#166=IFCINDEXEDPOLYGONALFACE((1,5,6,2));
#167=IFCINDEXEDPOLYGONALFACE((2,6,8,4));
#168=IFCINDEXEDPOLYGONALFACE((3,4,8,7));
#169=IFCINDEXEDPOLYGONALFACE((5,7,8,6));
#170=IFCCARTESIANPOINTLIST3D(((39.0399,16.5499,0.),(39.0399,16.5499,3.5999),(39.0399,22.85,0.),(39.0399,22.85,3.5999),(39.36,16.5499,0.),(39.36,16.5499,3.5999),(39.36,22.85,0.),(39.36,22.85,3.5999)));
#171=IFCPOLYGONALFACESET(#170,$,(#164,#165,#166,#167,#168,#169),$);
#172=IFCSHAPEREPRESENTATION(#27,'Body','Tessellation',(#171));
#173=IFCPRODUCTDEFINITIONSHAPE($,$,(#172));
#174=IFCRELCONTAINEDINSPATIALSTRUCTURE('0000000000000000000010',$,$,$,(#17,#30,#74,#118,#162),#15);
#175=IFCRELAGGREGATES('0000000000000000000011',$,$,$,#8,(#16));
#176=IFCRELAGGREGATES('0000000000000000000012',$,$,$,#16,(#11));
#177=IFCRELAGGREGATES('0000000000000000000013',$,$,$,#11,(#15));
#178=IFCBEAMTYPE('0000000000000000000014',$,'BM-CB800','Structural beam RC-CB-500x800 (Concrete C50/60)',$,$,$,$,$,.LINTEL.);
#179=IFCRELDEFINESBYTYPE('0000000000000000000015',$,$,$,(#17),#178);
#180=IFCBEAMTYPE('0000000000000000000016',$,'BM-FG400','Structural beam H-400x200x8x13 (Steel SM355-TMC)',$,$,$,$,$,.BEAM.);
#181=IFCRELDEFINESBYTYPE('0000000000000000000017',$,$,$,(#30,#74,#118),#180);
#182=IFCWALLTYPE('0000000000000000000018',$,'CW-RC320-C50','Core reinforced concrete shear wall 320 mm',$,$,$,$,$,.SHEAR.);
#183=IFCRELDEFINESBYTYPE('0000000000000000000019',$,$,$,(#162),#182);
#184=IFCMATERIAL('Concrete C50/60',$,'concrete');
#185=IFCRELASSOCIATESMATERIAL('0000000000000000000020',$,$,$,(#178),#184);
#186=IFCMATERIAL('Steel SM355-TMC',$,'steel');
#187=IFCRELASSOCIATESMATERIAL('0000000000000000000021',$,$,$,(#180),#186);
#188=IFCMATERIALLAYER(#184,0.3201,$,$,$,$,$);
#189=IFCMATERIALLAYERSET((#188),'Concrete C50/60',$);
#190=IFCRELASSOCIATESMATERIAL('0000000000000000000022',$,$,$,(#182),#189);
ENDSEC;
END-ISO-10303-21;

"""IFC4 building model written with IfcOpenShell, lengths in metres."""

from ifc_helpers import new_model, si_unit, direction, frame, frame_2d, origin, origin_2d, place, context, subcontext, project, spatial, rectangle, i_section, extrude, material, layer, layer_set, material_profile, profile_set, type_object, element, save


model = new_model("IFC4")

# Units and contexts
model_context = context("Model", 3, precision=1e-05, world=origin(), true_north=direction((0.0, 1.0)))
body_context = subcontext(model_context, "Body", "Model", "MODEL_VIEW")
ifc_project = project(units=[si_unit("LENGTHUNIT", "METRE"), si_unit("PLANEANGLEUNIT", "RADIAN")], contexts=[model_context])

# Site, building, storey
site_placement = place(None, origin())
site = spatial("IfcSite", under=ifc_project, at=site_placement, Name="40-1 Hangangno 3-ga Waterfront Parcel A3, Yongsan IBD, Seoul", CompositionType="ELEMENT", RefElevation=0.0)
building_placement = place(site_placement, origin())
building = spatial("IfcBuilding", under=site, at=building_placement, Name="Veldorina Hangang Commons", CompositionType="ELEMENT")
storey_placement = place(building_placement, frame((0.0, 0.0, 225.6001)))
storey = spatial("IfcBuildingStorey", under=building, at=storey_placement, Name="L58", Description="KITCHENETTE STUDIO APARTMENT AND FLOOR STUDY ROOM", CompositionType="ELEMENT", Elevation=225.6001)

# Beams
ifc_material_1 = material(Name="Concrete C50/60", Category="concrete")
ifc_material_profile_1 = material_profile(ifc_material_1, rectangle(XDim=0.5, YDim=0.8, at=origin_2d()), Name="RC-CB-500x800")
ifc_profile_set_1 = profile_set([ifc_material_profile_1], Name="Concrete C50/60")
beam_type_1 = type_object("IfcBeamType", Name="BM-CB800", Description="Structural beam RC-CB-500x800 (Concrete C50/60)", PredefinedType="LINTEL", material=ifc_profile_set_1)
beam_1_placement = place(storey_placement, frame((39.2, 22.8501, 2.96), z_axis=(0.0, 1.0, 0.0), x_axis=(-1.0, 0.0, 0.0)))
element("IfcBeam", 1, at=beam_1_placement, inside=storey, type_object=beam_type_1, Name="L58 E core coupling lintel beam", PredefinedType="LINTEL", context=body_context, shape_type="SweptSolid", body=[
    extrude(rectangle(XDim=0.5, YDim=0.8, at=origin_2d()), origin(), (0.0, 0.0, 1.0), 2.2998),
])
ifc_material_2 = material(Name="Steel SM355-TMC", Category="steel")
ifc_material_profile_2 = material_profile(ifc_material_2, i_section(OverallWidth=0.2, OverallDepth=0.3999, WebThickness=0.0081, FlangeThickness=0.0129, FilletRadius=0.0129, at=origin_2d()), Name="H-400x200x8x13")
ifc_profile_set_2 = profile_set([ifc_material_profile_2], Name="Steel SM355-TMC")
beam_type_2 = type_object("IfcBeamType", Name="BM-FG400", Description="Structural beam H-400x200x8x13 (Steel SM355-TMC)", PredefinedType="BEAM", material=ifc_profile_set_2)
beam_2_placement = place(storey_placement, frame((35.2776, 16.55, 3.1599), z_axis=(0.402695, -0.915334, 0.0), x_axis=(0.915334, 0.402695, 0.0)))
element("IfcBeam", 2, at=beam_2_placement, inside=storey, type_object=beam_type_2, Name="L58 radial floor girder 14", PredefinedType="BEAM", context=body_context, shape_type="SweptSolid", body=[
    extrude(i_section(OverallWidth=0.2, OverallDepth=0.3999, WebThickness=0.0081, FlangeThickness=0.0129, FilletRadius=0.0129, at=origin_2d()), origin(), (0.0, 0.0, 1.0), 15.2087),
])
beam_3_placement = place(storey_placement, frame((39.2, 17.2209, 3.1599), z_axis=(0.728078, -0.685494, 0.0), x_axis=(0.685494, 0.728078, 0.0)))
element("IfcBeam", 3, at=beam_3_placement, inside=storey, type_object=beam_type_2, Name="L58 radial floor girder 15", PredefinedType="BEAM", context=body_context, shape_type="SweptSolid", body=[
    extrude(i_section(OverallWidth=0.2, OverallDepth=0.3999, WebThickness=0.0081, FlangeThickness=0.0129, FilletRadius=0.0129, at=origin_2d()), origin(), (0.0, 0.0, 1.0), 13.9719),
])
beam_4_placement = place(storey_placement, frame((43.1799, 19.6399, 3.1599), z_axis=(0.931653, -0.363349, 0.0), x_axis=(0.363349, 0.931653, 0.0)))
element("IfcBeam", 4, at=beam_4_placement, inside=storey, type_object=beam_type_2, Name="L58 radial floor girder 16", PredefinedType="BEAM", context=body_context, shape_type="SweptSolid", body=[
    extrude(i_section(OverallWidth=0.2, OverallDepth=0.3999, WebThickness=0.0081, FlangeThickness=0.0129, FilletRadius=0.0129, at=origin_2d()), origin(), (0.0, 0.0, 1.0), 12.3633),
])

————

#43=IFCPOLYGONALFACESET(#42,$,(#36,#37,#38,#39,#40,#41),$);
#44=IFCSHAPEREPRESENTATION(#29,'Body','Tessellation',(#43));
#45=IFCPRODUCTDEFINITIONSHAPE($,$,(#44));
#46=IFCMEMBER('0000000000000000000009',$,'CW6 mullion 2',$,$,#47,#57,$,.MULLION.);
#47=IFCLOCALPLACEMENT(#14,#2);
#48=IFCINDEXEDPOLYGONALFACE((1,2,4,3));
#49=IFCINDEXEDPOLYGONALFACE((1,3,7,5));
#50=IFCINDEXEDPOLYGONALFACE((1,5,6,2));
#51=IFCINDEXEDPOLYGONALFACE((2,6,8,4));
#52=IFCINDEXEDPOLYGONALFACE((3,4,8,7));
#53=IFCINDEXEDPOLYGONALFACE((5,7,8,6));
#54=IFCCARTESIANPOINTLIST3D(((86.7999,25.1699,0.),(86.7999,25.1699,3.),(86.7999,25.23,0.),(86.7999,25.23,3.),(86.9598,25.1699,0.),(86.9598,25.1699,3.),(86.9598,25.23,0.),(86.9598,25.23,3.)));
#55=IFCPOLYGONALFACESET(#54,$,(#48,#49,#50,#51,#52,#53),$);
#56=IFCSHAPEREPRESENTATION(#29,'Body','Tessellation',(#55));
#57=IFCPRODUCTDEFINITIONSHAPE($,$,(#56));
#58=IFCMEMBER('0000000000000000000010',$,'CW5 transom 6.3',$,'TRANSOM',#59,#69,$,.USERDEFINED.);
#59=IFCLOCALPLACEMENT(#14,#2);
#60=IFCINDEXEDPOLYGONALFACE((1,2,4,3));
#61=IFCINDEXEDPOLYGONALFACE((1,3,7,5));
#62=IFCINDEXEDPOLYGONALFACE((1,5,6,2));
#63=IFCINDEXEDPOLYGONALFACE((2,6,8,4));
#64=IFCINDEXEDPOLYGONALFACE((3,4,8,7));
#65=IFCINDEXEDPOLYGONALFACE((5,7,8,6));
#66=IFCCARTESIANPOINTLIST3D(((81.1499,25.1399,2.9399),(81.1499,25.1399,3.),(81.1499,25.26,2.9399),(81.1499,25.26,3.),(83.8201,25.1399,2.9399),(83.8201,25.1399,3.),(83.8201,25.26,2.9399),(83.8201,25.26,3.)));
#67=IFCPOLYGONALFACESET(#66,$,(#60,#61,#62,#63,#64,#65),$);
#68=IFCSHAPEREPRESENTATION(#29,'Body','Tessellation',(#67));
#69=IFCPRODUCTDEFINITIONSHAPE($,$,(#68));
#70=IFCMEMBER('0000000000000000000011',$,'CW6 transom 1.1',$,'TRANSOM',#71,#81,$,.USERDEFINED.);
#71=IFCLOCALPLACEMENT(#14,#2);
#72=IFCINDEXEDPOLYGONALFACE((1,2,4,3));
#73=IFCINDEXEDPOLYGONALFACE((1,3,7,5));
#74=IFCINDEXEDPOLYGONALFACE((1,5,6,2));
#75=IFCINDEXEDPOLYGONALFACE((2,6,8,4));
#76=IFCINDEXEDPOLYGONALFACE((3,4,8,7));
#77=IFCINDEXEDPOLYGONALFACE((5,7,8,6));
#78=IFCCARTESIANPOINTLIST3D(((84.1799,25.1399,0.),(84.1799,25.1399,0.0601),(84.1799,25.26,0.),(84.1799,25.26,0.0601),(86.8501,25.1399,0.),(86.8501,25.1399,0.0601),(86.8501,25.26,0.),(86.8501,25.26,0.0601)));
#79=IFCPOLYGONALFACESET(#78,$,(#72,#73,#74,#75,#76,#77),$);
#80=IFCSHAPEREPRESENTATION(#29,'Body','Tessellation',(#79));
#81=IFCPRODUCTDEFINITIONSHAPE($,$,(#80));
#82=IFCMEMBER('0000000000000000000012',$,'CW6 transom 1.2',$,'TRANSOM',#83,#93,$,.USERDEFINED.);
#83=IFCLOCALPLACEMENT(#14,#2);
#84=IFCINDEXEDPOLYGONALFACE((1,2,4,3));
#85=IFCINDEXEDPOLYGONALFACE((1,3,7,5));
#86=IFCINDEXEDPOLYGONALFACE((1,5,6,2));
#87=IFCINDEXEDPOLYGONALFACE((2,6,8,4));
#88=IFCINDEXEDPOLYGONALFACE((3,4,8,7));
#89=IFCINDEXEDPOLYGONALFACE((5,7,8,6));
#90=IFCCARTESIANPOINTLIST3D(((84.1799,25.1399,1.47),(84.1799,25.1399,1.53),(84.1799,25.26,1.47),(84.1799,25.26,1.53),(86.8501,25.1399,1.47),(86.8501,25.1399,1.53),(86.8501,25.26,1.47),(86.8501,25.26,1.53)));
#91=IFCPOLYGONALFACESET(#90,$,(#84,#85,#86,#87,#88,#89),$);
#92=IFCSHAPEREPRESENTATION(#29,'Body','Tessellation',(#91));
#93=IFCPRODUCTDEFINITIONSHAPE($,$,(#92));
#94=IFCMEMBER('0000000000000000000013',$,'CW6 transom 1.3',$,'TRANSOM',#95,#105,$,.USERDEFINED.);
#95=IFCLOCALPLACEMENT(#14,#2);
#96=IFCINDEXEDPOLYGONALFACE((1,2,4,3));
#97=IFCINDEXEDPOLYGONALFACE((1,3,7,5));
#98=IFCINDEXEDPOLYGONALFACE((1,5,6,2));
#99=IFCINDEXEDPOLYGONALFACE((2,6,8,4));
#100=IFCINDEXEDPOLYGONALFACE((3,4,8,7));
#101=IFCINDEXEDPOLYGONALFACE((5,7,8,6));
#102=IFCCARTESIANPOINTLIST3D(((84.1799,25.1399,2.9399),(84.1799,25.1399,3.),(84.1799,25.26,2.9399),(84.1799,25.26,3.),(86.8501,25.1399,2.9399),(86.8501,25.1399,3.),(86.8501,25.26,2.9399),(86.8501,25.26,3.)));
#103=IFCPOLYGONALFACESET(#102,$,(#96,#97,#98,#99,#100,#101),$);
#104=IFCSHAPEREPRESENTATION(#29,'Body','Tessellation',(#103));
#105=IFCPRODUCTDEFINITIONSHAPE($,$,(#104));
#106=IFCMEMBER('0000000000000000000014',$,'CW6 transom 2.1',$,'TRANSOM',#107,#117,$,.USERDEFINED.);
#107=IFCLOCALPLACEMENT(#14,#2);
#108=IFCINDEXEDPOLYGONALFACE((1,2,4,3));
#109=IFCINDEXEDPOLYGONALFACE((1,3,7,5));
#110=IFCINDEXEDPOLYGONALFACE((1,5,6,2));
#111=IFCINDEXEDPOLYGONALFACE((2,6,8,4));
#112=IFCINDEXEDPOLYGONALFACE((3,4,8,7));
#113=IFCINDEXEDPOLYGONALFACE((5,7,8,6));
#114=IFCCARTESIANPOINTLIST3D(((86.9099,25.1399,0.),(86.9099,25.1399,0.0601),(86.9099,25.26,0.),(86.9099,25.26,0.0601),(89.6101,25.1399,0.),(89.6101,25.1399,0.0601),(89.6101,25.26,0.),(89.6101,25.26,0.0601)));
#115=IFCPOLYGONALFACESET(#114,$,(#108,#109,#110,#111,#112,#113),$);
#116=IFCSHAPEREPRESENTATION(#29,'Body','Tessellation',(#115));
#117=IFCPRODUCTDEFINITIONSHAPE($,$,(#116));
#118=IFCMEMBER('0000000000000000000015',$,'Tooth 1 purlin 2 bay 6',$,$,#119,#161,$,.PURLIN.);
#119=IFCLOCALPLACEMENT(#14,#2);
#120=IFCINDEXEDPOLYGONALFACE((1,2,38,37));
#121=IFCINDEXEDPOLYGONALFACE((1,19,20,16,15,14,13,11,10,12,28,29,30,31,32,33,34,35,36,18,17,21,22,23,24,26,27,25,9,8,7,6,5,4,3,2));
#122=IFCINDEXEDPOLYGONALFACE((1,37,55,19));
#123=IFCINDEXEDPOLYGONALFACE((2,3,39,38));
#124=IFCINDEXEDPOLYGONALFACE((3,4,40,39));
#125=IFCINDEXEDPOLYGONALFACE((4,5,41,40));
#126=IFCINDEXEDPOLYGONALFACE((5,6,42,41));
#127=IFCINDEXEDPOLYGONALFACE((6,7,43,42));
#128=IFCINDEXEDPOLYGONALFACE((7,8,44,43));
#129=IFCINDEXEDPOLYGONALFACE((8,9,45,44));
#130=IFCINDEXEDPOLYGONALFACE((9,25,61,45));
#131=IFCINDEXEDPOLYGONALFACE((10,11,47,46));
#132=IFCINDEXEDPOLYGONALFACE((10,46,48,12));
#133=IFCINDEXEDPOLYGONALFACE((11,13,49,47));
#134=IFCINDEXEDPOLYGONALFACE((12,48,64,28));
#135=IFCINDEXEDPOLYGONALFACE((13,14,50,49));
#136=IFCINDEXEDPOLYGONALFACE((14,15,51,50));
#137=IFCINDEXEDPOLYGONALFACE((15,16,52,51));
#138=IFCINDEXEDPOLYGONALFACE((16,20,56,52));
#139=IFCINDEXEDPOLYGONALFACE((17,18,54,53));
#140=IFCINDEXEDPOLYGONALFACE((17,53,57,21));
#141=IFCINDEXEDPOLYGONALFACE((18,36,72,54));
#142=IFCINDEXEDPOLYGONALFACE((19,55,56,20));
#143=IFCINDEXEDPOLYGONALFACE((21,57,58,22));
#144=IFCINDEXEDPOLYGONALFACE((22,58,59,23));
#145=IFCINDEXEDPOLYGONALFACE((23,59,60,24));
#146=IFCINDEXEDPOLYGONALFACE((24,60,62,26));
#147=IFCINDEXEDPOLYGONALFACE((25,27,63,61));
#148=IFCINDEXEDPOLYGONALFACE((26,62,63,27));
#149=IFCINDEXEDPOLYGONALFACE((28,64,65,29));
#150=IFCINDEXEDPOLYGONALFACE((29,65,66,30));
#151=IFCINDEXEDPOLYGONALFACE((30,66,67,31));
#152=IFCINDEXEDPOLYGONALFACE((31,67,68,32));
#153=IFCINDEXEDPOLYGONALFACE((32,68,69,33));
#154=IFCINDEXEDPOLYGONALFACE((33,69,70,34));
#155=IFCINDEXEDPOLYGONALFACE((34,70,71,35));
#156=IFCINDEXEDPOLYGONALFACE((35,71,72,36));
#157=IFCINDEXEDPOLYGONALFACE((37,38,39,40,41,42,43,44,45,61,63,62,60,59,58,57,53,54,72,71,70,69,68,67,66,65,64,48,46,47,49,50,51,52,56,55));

————

Going back to the entries above, set down exactly the lines that begin at the one with "#44=IFCSHAPEREPRESENTATION(#29,'Body','Tessellation',(#43));" and end at the one with "#65=IFCINDEXEDPOLYGONALFACE((5,7,8,6));", both included, and nothing else.

#44=IFCSHAPEREPRESENTATION(#29,'Body','Tessellation',(#43));
#45=IFCPRODUCTDEFINITIONSHAPE($,$,(#44));
#46=IFCMEMBER('0000000000000000000009',$,'CW6 mullion 2',$,$,#47,#57,$,.MULLION.);
#47=IFCLOCALPLACEMENT(#14,#2);
#48=IFCINDEXEDPOLYGONALFACE((1,2,4,3));
#49=IFCINDEXEDPOLYGONALFACE((1,3,7,5));
#50=IFCINDEXEDPOLYGONALFACE((1,5,6,2));
#51=IFCINDEXEDPOLYGONALFACE((2,6,8,4));
#52=IFCINDEXEDPOLYGONALFACE((3,4,8,7));
#53=IFCINDEXEDPOLYGONALFACE((5,7,8,6));
#54=IFCCARTESIANPOINTLIST3D(((86.7999,25.1699,0.),(86.7999,25.1699,3.),(86.7999,25.23,0.),(86.7999,25.23,3.),(86.9598,25.1699,0.),(86.9598,25.1699,3.),(86.9598,25.23,0.),(86.9598,25.23,3.)));
#55=IFCPOLYGONALFACESET(#54,$,(#48,#49,#50,#51,#52,#53),$);
#56=IFCSHAPEREPRESENTATION(#29,'Body','Tessellation',(#55));
#57=IFCPRODUCTDEFINITIONSHAPE($,$,(#56));
#58=IFCMEMBER('0000000000000000000010',$,'CW5 transom 6.3',$,'TRANSOM',#59,#69,$,.USERDEFINED.);
#59=IFCLOCALPLACEMENT(#14,#2);
#60=IFCINDEXEDPOLYGONALFACE((1,2,4,3));
#61=IFCINDEXEDPOLYGONALFACE((1,3,7,5));
#62=IFCINDEXEDPOLYGONALFACE((1,5,6,2));
#63=IFCINDEXEDPOLYGONALFACE((2,6,8,4));
#64=IFCINDEXEDPOLYGONALFACE((3,4,8,7));
#65=IFCINDEXEDPOLYGONALFACE((5,7,8,6));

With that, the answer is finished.